• What is needed: Those lines of the following listing which contain the string "IFCMATERIALLAYERSET" should be returned.
[[ Provided data, beginning ]]
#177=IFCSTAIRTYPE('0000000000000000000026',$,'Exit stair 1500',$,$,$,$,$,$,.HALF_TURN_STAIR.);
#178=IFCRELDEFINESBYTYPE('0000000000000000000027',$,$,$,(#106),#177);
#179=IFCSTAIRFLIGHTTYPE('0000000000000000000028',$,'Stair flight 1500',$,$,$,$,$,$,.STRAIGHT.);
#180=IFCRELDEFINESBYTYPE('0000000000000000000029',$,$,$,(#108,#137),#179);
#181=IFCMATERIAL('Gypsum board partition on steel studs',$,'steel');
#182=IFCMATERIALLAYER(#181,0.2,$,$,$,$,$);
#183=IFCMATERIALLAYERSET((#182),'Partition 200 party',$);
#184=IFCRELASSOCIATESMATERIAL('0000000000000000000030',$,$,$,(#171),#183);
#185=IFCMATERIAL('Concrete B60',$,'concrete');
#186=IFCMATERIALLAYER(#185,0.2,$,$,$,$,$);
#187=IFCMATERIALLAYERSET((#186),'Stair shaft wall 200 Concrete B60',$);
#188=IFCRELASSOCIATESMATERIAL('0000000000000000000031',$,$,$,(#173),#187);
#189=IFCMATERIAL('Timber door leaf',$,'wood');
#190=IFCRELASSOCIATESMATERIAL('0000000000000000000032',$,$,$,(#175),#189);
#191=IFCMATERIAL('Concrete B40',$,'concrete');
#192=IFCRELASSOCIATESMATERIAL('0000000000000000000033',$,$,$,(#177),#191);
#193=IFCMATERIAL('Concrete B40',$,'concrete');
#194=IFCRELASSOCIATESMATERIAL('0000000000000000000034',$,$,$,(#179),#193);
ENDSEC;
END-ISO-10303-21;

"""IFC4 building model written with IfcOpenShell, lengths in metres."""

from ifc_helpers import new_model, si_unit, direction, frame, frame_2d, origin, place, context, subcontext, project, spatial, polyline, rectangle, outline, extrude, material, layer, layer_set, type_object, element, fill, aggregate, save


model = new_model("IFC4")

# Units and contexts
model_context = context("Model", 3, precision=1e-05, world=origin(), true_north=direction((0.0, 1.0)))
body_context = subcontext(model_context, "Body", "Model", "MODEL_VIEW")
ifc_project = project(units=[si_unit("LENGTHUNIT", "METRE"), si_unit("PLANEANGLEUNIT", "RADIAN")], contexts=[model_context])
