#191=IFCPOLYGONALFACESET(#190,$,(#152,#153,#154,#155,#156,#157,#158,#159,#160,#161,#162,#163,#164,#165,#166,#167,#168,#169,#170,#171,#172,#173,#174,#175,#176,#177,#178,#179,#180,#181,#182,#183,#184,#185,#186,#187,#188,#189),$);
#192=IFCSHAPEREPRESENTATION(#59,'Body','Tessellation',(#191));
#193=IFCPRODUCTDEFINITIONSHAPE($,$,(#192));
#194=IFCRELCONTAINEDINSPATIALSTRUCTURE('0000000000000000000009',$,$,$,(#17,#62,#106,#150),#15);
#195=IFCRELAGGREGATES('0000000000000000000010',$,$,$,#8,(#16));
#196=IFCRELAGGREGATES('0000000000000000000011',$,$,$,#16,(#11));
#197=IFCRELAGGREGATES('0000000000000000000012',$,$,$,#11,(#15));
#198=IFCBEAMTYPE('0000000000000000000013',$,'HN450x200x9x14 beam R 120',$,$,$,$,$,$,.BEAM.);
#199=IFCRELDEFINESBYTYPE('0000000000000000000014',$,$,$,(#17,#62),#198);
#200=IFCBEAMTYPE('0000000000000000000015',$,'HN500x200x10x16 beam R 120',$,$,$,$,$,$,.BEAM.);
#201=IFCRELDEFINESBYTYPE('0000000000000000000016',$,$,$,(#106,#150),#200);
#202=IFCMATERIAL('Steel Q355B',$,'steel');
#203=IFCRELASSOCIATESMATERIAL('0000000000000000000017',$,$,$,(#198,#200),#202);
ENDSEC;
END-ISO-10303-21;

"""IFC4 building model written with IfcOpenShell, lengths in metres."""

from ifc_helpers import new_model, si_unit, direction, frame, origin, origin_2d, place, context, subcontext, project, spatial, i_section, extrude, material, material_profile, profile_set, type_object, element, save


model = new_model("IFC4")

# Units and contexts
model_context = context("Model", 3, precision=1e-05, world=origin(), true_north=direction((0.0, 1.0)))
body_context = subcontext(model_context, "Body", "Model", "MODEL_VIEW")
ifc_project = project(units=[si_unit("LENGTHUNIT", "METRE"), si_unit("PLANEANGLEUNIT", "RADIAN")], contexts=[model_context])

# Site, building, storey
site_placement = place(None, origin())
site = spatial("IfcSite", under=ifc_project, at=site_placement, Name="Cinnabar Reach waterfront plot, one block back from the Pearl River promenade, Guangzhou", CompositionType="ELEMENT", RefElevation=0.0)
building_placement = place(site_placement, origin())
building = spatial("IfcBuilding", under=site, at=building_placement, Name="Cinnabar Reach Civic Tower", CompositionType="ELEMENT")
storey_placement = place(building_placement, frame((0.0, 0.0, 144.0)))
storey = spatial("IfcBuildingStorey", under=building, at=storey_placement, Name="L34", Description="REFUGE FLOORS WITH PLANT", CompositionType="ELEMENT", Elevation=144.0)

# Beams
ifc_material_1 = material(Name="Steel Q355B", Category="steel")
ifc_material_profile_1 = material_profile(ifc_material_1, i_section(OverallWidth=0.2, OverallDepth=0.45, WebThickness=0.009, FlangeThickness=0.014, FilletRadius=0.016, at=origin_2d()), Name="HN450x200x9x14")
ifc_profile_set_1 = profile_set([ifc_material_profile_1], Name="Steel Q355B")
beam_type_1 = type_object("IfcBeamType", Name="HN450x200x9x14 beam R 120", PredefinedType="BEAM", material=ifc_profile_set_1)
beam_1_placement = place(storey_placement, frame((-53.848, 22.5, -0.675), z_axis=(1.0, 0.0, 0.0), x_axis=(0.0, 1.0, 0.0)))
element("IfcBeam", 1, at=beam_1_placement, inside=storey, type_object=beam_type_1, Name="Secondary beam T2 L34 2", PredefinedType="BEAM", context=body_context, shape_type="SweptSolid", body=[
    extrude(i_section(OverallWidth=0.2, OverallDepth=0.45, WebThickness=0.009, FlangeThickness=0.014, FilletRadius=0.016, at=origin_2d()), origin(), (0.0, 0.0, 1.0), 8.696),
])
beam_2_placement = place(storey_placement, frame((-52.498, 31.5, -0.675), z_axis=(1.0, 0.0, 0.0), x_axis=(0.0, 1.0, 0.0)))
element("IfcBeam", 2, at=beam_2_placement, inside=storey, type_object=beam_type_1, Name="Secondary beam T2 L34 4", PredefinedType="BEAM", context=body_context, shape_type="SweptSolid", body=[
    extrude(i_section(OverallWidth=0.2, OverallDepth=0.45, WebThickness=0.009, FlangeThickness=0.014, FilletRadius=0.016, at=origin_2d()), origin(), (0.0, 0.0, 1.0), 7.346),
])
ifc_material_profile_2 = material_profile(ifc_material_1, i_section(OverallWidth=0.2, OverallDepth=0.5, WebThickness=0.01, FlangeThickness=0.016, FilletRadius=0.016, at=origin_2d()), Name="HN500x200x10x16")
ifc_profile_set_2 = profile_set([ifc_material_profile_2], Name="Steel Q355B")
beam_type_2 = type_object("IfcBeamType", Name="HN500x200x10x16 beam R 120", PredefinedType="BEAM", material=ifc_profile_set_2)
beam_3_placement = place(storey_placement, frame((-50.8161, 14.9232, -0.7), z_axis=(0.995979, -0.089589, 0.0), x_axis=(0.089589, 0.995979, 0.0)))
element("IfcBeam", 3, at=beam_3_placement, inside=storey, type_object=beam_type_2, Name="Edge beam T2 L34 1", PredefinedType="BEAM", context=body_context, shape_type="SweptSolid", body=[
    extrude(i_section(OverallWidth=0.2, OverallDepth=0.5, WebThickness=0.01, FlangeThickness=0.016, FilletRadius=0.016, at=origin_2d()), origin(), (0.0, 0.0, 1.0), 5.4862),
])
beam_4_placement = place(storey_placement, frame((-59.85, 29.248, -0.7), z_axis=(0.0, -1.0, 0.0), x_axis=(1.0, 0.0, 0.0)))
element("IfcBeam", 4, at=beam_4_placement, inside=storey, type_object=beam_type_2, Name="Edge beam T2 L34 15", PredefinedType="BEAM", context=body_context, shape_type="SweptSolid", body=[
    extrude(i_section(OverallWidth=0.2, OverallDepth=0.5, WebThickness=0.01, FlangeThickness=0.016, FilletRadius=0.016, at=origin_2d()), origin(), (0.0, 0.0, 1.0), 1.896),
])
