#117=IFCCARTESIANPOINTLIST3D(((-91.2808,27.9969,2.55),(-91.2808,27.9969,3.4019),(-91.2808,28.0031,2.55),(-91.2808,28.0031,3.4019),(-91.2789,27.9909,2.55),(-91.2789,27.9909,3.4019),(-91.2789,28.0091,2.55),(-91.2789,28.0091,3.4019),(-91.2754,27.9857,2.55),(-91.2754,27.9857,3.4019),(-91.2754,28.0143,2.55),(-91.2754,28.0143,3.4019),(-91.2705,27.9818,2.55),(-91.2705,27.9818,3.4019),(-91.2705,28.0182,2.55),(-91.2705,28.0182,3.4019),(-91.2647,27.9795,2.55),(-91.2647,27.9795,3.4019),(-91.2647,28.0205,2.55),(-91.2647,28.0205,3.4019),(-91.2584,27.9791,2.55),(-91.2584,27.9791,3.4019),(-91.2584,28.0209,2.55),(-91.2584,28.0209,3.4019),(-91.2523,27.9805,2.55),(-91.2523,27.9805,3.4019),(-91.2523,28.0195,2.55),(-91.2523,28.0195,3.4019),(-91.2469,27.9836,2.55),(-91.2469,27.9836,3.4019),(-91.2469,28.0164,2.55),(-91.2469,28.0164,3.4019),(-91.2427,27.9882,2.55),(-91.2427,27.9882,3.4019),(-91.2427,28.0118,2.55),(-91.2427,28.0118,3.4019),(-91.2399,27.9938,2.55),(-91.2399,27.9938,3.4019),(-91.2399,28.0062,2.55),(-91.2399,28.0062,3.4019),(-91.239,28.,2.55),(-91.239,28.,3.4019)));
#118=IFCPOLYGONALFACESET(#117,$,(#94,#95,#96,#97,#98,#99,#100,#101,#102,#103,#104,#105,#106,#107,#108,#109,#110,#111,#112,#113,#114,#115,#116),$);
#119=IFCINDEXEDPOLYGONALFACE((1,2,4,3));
[[ Provided data, end ]]
• Reply to the exercise:
#183=IFCMATERIALLAYERSET((#182),'Partition 200 party',$);
#187=IFCMATERIALLAYERSET((#186),'Stair shaft wall 200 Concrete B60',$);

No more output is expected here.